▶ [WHAT IS BEING ASKED] Look through the records below for the line with "type_object, element, save" and the line with "building_placement = place(site_placement, origin())", then return those lines and all lines between, exactly.
◇ ◇ ◇ ◇
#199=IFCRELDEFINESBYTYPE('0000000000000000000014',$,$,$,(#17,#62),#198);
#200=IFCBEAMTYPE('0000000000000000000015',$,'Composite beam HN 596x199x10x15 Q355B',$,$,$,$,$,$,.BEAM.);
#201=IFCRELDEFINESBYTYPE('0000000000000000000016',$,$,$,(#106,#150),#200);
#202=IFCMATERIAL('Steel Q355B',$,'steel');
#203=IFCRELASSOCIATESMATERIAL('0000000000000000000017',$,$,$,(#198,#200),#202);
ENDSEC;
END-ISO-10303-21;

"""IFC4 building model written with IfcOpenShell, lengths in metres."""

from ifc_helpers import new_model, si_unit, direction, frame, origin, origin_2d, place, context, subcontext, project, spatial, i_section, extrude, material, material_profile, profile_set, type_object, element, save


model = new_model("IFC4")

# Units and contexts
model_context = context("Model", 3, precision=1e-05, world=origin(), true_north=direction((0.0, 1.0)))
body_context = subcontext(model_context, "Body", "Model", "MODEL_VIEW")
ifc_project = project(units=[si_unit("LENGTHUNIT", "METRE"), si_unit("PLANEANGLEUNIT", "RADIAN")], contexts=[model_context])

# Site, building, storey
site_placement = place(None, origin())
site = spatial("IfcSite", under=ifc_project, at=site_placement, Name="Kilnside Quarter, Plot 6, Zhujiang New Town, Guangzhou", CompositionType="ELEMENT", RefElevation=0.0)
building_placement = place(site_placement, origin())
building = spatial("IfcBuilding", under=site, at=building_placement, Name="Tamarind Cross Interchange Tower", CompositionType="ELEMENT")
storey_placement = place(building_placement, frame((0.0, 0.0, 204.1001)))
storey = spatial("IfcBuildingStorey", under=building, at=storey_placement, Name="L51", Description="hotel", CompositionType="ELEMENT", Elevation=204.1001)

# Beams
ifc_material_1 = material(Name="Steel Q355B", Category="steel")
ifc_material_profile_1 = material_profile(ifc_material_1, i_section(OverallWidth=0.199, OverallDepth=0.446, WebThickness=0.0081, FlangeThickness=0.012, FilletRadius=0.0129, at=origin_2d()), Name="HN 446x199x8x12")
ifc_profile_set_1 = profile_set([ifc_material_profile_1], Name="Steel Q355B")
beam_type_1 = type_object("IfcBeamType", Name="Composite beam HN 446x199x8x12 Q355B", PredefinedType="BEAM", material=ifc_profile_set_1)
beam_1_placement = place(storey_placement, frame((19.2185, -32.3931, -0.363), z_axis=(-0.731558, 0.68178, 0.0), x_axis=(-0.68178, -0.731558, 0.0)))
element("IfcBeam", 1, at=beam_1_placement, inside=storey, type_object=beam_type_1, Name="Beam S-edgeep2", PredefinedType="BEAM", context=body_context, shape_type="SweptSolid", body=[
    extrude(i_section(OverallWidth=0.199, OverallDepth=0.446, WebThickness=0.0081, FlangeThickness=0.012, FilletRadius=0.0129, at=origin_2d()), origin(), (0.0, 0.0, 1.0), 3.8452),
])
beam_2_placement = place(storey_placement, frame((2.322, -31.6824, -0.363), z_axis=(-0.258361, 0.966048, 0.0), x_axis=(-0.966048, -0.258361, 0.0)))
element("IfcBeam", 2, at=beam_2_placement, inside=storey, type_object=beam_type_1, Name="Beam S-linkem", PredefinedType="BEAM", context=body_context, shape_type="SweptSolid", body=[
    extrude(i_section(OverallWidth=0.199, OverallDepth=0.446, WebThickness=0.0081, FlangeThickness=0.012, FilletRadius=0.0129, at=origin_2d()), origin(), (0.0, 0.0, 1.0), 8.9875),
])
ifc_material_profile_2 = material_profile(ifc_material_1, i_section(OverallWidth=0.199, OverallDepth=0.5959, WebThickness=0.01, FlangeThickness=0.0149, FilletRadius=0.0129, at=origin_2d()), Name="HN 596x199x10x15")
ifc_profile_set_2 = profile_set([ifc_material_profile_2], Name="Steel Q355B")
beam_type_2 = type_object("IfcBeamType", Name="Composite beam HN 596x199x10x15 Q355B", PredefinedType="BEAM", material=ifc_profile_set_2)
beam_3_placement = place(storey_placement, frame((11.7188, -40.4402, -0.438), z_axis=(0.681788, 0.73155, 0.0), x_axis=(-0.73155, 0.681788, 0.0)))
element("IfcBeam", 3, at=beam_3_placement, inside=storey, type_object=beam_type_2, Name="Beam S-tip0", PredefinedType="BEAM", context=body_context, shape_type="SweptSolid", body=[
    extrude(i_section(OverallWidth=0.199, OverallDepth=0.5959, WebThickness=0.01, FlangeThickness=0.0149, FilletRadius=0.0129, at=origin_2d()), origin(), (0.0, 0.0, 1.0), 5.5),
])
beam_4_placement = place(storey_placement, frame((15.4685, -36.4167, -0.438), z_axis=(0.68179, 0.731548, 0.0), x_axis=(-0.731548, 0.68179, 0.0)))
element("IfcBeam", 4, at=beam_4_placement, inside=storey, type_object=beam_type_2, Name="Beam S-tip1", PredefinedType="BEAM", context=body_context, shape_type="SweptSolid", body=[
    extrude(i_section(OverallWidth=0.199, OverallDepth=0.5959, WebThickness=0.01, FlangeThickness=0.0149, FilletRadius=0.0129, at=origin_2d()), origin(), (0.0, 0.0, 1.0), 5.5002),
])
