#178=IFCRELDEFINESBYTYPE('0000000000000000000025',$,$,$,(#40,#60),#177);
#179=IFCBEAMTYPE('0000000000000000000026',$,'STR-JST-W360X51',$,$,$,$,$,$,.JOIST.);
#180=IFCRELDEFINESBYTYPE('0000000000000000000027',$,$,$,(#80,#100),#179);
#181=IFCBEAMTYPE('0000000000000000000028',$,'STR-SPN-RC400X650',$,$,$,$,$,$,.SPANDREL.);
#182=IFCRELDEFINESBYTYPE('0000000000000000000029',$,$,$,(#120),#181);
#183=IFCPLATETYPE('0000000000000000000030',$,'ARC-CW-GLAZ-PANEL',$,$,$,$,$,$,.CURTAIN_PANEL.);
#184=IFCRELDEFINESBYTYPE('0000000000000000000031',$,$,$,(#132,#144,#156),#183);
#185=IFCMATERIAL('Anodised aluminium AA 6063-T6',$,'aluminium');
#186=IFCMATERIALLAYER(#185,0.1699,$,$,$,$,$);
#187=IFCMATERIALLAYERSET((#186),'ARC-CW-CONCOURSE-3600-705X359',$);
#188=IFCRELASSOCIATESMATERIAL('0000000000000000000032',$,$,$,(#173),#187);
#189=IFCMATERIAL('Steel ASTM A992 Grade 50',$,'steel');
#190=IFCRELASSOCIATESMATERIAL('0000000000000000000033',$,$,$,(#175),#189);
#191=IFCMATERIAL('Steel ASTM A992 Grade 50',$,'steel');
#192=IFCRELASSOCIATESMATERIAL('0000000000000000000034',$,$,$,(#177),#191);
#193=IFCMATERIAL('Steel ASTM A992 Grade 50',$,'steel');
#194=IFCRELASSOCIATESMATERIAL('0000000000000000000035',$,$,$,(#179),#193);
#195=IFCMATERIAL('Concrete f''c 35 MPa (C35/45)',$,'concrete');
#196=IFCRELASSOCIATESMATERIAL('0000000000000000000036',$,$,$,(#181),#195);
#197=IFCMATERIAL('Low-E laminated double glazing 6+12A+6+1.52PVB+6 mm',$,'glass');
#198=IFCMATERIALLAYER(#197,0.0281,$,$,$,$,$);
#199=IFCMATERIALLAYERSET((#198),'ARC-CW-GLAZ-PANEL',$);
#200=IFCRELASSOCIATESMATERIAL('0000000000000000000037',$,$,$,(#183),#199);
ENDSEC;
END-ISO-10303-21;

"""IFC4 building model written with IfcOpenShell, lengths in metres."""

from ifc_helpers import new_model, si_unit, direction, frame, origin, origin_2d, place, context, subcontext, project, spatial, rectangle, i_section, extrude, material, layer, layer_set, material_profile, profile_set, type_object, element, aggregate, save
◇ ◇ ◇ ◇
▶ [TASK RESPONSE]
from ifc_helpers import new_model, si_unit, direction, frame, origin, origin_2d, place, context, subcontext, project, spatial, i_section, extrude, material, material_profile, profile_set, type_object, element, save


model = new_model("IFC4")

# Units and contexts
model_context = context("Model", 3, precision=1e-05, world=origin(), true_north=direction((0.0, 1.0)))
body_context = subcontext(model_context, "Body", "Model", "MODEL_VIEW")
ifc_project = project(units=[si_unit("LENGTHUNIT", "METRE"), si_unit("PLANEANGLEUNIT", "RADIAN")], contexts=[model_context])

# Site, building, storey
site_placement = place(None, origin())
site = spatial("IfcSite", under=ifc_project, at=site_placement, Name="Kilnside Quarter, Plot 6, Zhujiang New Town, Guangzhou", CompositionType="ELEMENT", RefElevation=0.0)
building_placement = place(site_placement, origin())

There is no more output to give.